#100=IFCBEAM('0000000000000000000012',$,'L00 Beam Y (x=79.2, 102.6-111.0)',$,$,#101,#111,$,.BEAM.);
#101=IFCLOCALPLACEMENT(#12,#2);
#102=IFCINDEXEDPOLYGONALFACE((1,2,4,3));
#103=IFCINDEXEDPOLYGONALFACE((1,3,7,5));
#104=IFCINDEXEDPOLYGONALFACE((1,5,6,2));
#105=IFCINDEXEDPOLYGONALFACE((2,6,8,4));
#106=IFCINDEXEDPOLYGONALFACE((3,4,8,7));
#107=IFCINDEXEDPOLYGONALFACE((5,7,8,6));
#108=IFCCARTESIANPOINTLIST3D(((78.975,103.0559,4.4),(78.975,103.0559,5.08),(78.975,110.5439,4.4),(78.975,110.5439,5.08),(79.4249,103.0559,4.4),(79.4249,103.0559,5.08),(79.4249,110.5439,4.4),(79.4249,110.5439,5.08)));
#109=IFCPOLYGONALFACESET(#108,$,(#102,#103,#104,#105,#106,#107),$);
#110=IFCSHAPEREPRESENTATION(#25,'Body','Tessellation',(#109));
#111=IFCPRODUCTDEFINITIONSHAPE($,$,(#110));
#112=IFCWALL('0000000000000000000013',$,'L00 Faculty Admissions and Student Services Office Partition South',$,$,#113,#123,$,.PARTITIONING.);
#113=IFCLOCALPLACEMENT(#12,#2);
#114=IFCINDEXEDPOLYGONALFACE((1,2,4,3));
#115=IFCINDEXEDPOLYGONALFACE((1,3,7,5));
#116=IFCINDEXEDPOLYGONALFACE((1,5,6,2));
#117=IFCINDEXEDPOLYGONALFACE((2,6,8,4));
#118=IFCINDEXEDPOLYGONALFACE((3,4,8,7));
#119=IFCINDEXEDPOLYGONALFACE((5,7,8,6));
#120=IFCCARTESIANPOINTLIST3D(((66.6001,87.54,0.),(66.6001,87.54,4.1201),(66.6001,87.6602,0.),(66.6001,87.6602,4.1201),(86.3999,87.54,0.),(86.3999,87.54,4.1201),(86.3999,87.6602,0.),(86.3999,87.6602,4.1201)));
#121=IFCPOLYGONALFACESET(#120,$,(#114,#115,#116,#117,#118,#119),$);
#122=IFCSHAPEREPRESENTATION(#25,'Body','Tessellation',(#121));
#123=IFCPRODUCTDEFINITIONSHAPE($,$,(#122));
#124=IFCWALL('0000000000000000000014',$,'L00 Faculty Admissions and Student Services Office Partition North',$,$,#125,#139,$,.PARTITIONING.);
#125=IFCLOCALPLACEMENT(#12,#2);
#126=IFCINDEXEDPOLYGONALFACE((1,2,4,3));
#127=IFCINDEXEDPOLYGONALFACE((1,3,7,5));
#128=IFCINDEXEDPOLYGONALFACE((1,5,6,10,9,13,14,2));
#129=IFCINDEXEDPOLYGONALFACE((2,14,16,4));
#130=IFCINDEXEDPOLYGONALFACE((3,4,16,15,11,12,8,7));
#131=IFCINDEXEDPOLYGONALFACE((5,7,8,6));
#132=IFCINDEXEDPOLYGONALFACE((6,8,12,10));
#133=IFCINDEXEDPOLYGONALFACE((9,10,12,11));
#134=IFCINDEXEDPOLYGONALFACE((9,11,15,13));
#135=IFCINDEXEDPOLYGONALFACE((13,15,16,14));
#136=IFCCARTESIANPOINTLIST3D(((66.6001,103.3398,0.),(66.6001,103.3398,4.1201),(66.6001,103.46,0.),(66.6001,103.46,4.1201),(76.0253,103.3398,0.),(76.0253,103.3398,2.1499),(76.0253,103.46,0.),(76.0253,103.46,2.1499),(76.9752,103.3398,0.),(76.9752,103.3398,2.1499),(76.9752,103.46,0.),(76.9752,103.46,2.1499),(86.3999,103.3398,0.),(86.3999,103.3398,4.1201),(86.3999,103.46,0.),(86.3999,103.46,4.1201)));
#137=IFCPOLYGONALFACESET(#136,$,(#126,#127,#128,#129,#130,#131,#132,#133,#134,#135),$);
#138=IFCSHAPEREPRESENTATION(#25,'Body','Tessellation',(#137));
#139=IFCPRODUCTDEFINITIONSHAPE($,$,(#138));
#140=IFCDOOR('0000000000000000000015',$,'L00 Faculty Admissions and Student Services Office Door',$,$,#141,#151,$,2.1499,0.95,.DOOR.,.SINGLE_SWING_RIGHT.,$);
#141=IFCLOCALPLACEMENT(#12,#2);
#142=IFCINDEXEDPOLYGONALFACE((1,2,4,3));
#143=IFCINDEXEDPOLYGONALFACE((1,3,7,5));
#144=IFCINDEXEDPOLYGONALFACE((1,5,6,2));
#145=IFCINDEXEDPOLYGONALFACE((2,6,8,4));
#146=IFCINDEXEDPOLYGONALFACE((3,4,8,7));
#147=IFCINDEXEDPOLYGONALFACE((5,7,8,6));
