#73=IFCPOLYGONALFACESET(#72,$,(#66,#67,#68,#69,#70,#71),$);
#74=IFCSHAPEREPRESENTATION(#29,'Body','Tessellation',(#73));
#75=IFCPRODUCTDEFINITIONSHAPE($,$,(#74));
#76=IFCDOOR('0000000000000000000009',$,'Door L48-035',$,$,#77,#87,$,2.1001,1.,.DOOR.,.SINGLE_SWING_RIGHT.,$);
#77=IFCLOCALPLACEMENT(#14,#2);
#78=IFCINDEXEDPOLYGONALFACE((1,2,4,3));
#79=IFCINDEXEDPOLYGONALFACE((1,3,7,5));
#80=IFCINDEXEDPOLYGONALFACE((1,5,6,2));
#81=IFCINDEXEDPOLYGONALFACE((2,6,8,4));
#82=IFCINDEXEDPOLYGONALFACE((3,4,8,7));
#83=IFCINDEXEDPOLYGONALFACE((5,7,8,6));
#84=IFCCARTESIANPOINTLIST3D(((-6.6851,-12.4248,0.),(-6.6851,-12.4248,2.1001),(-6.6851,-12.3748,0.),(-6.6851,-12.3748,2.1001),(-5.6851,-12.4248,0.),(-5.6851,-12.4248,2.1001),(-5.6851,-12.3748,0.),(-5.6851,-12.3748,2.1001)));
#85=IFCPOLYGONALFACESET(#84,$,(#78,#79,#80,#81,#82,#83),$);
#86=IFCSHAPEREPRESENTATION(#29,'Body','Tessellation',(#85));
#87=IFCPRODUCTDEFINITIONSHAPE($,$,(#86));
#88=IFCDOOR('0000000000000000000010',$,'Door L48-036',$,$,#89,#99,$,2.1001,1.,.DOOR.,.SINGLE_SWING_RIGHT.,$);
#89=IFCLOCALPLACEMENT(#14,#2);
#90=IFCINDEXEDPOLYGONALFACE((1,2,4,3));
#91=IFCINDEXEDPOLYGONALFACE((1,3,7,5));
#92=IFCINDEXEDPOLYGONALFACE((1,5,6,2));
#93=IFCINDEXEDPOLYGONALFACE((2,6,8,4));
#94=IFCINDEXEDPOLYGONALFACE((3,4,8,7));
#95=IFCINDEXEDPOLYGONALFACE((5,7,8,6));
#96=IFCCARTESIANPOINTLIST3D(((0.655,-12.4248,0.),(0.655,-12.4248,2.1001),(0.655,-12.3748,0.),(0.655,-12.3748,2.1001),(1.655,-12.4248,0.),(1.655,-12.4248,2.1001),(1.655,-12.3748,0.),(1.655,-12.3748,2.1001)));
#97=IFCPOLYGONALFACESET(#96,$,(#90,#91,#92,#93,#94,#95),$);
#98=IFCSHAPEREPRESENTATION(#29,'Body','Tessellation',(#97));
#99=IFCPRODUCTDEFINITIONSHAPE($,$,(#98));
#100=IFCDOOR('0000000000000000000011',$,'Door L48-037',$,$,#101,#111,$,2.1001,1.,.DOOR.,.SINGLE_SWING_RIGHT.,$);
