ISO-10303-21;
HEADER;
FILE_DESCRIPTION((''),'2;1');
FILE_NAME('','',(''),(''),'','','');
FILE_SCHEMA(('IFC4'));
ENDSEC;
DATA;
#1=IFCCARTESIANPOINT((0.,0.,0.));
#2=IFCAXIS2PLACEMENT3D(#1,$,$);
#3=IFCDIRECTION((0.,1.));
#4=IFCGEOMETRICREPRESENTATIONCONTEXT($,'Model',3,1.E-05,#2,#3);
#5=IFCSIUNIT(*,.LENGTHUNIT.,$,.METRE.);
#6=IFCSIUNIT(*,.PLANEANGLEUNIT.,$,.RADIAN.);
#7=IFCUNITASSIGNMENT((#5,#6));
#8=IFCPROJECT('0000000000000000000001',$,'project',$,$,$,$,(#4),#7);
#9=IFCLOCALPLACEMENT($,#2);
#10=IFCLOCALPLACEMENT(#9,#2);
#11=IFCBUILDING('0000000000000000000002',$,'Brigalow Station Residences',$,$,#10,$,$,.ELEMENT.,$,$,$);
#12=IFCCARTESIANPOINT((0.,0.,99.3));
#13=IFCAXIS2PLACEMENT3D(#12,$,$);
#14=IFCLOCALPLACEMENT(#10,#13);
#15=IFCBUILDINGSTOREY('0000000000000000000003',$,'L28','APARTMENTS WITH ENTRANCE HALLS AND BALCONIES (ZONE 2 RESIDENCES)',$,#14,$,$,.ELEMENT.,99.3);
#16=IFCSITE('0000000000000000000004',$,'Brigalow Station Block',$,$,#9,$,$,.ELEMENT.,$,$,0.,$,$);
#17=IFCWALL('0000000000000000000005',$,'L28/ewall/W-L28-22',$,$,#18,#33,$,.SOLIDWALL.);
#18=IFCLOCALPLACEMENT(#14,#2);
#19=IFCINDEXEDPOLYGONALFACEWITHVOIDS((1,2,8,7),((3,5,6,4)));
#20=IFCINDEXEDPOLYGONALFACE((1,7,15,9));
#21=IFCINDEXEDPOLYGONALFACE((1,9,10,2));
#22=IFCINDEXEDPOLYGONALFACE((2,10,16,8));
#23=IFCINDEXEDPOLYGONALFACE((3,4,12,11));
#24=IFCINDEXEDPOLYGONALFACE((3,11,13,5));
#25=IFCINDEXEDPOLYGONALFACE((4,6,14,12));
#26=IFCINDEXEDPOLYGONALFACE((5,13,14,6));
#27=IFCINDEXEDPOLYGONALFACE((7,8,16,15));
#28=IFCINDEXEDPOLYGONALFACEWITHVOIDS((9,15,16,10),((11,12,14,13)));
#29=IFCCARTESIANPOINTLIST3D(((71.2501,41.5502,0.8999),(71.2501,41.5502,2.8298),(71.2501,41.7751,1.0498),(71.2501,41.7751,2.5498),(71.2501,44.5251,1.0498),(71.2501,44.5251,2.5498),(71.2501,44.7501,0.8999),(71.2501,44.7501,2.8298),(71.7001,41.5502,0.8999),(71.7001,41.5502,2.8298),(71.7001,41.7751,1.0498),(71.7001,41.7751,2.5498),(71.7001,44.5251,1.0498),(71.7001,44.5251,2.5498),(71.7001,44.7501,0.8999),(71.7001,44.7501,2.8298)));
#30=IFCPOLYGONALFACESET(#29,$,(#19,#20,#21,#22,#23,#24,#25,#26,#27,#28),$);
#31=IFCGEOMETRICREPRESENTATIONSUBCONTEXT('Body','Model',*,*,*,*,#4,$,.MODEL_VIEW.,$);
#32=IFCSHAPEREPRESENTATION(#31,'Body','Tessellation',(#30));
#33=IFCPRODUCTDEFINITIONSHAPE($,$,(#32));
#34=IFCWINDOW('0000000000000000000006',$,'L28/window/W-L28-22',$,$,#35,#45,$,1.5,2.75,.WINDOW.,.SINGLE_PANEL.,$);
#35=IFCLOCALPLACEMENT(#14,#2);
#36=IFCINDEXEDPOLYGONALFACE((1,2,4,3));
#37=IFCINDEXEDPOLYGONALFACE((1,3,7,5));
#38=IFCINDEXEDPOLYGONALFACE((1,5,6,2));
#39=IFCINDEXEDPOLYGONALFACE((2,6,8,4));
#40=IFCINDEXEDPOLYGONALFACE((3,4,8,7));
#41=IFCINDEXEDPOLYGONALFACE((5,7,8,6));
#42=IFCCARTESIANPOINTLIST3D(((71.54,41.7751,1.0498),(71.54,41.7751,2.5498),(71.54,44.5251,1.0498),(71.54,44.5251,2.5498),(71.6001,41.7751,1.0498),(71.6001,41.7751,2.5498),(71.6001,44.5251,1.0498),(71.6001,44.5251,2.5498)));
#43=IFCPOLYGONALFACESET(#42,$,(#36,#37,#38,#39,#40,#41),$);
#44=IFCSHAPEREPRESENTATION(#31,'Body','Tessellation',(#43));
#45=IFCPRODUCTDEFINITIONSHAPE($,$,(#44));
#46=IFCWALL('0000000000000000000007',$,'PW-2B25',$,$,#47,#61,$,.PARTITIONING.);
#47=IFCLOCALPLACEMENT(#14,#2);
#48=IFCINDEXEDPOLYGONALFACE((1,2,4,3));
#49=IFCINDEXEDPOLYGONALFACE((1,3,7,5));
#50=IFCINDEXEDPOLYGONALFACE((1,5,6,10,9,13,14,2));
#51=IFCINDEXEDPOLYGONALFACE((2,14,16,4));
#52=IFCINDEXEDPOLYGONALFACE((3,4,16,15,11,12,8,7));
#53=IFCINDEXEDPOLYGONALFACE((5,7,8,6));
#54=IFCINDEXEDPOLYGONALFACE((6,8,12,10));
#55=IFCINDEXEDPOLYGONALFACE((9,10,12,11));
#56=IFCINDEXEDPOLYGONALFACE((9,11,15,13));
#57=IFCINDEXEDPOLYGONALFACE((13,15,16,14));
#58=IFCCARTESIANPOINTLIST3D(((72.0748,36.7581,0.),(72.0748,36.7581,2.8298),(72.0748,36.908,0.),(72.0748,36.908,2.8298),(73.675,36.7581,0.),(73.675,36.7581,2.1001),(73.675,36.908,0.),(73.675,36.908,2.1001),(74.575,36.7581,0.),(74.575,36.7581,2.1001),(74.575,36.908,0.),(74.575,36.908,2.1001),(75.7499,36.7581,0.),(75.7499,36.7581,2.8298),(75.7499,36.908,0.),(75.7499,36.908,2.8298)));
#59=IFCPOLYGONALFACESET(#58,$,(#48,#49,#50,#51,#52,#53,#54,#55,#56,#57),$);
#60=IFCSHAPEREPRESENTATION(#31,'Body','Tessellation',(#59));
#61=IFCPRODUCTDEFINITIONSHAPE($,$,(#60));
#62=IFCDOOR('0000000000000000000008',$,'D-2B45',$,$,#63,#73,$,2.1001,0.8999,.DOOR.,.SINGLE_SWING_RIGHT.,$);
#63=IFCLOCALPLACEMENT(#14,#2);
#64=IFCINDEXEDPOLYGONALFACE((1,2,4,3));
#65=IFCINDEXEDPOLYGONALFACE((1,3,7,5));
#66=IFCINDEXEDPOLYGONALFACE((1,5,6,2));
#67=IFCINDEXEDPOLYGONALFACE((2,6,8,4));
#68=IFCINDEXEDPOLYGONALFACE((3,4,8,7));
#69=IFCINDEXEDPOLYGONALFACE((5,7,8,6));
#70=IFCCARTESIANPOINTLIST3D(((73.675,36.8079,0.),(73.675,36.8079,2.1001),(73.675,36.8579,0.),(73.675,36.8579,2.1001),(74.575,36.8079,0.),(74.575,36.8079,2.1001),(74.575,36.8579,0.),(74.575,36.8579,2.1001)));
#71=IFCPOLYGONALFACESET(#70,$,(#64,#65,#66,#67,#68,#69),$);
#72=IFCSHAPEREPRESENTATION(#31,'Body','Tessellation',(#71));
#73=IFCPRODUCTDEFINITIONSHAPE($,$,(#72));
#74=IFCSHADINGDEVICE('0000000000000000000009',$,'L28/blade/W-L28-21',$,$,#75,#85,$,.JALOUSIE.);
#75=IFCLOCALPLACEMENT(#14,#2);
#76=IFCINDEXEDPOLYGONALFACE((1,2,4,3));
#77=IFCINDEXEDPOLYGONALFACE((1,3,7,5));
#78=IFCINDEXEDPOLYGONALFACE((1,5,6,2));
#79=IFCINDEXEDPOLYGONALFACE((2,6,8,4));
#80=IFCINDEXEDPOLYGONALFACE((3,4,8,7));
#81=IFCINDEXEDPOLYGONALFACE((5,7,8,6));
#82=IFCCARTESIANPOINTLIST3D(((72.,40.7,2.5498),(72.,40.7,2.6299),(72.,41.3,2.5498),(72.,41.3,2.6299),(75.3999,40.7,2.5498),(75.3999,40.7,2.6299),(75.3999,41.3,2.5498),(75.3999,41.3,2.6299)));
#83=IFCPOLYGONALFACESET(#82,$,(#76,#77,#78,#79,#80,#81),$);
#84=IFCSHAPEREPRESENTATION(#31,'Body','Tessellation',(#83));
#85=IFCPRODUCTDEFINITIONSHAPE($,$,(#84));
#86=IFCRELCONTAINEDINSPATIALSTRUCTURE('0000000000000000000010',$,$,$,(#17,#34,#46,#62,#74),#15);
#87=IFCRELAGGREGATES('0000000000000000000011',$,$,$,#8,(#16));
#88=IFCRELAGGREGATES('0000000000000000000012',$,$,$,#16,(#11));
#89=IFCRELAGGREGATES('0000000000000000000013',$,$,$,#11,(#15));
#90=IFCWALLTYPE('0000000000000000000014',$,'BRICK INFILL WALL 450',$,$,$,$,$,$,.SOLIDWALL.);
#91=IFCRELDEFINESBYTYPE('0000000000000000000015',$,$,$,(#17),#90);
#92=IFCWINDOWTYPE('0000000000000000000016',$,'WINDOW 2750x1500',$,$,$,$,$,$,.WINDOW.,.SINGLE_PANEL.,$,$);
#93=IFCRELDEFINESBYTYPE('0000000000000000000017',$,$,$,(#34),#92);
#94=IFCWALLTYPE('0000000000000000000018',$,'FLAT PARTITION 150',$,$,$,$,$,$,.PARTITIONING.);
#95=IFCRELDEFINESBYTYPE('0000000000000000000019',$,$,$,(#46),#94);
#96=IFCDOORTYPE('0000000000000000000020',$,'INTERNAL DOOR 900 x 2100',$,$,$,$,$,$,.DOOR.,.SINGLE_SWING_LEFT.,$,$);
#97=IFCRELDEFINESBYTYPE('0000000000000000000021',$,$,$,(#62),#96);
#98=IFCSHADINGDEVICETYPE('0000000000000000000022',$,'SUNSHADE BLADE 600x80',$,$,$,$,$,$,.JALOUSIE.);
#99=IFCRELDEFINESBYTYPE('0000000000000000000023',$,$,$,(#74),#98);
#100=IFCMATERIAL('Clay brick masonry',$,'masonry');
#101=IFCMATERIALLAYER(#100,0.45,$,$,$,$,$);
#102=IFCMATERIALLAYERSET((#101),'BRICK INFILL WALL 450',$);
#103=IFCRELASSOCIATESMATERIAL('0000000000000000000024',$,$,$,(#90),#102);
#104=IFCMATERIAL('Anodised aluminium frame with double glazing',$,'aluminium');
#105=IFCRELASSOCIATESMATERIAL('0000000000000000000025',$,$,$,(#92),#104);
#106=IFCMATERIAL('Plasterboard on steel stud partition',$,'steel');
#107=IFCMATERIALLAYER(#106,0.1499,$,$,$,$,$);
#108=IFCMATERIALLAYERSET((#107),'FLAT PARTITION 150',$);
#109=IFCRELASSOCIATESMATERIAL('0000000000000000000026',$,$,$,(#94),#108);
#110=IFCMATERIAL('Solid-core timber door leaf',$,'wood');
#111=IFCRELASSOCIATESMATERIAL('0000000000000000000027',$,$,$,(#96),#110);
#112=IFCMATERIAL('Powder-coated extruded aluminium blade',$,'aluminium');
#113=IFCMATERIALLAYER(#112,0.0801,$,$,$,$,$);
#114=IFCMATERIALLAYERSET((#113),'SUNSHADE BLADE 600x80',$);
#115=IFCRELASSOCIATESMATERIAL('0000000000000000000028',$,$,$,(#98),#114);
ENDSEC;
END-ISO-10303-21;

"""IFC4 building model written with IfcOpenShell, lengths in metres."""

from ifc_helpers import new_model, si_unit, direction, frame, frame_2d, origin, origin_2d, place, context, subcontext, project, spatial, rectangle, extrude, material, layer, layer_set, type_object, element, fill, save


model = new_model("IFC4")

# Units and contexts
model_context = context("Model", 3, precision=1e-05, world=origin(), true_north=direction((0.0, 1.0)))
body_context = subcontext(model_context, "Body", "Model", "MODEL_VIEW")
ifc_project = project(units=[si_unit("LENGTHUNIT", "METRE"), si_unit("PLANEANGLEUNIT", "RADIAN")], contexts=[model_context])

# Site, building, storey
site_placement = place(None, origin())
site = spatial("IfcSite", under=ifc_project, at=site_placement, Name="Brigalow Station Block", CompositionType="ELEMENT", RefElevation=0.0)
building_placement = place(site_placement, origin())
building = spatial("IfcBuilding", under=site, at=building_placement, Name="Brigalow Station Residences", CompositionType="ELEMENT")
storey_placement = place(building_placement, frame((0.0, 0.0, 99.3)))
storey = spatial("IfcBuildingStorey", under=building, at=storey_placement, Name="L28", Description="APARTMENTS WITH ENTRANCE HALLS AND BALCONIES (ZONE 2 RESIDENCES)", CompositionType="ELEMENT", Elevation=99.3)

# Wall, opening, window
ifc_material_1 = material(Name="Clay brick masonry", Category="masonry")
ifc_layer_1 = layer(ifc_material_1, 0.45)
ifc_layer_set_1 = layer_set([ifc_layer_1], Name="BRICK INFILL WALL 450")
wall_type_1 = type_object("IfcWallType", Name="BRICK INFILL WALL 450", PredefinedType="SOLIDWALL", material=ifc_layer_set_1)
wall_1_placement = place(storey_placement, frame((71.4751, 41.55, 0.8999), z_axis=(0.0, 0.0, 1.0), x_axis=(0.0, 1.0, 0.0)))
wall_1 = element("IfcWall", 1, at=wall_1_placement, inside=storey, type_object=wall_type_1, Name="L28/ewall/W-L28-22", PredefinedType="SOLIDWALL", context=body_context, shape_type="SweptSolid", body=[
    extrude(rectangle(XDim=3.2, YDim=0.45, at=frame_2d((1.6001, 0.0))), origin(), (0.0, 0.0, 1.0), 1.9299),
])
opening_1_placement = place(wall_1_placement, frame((0.2251, 0.0, 0.1499)))
opening_1 = element("IfcOpeningElement", 2, at=opening_1_placement, cuts=wall_1, PredefinedType="OPENING", context=body_context, shape_type="SweptSolid", body=[
    extrude(rectangle(XDim=2.75, YDim=1.5, at=frame_2d((1.375, 0.75))), frame((0.0, 0.2349, 0.0), z_axis=(0.0, -1.0, 0.0), x_axis=(1.0, 0.0, 0.0)), (0.0, 0.0, 1.0), 0.47),
])
ifc_material_2 = material(Name="Anodised aluminium frame with double glazing", Category="aluminium")
window_type_1 = type_object("IfcWindowType", Name="WINDOW 2750x1500", PartitioningType="SINGLE_PANEL", PredefinedType="WINDOW", material=ifc_material_2)
window_1_placement = place(opening_1_placement, origin())
window_1 = element("IfcWindow", 3, at=window_1_placement, inside=storey, type_object=window_type_1, Name="L28/window/W-L28-22", OverallHeight=1.5, OverallWidth=2.75, PartitioningType="SINGLE_PANEL", PredefinedType="WINDOW", context=body_context, shape_type="SweptSolid", body=[
    extrude(rectangle(XDim=2.75, YDim=1.5, at=frame_2d((1.375, 0.75))), frame((0.0, -0.0649, 0.0), z_axis=(0.0, -1.0, 0.0), x_axis=(1.0, 0.0, 0.0)), (0.0, 0.0, 1.0), 0.0601),
])
fill(opening_1, window_1)

# Wall, opening, door
ifc_material_3 = material(Name="Plasterboard on steel stud partition", Category="steel")
ifc_layer_2 = layer(ifc_material_3, 0.1499)
ifc_layer_set_2 = layer_set([ifc_layer_2], Name="FLAT PARTITION 150")
wall_type_2 = type_object("IfcWallType", Name="FLAT PARTITION 150", PredefinedType="PARTITIONING", material=ifc_layer_set_2)
wall_2_placement = place(storey_placement, frame((72.075, 36.833, 0.0), z_axis=(0.0, 0.0, 1.0), x_axis=(1.0, 0.0, 0.0)))
wall_2 = element("IfcWall", 4, at=wall_2_placement, inside=storey, type_object=wall_type_2, Name="PW-2B25", PredefinedType="PARTITIONING", context=body_context, shape_type="SweptSolid", body=[
    extrude(rectangle(XDim=3.675, YDim=0.1499, at=frame_2d((1.8374, 0.0))), origin(), (0.0, 0.0, 1.0), 2.8298),
])
opening_2_placement = place(wall_2_placement, frame((1.6001, 0.0, 0.0)))
opening_2 = element("IfcOpeningElement", 5, at=opening_2_placement, cuts=wall_2, PredefinedType="OPENING", context=body_context, shape_type="SweptSolid", body=[
    extrude(rectangle(XDim=0.8999, YDim=2.1001, at=frame_2d((0.45, 1.05))), frame((0.0, 0.085, 0.0), z_axis=(0.0, -1.0, 0.0), x_axis=(1.0, 0.0, 0.0)), (0.0, 0.0, 1.0), 0.1699),
])
ifc_material_4 = material(Name="Solid-core timber door leaf", Category="wood")
door_type = type_object("IfcDoorType", Name="INTERNAL DOOR 900 x 2100", OperationType="SINGLE_SWING_LEFT", PredefinedType="DOOR", material=ifc_material_4)
door_placement = place(opening_2_placement, origin())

YOUR GOAL – Show every line from the listing above in which the string "IFCRELDEFINESBYTYPE" appears.

RESPONSE TO THIS TASK –
#91=IFCRELDEFINESBYTYPE('0000000000000000000015',$,$,$,(#17),#90);
#93=IFCRELDEFINESBYTYPE('0000000000000000000017',$,$,$,(#34),#92);
#95=IFCRELDEFINESBYTYPE('0000000000000000000019',$,$,$,(#46),#94);
#97=IFCRELDEFINESBYTYPE('0000000000000000000021',$,$,$,(#62),#96);
#99=IFCRELDEFINESBYTYPE('0000000000000000000023',$,$,$,(#74),#98);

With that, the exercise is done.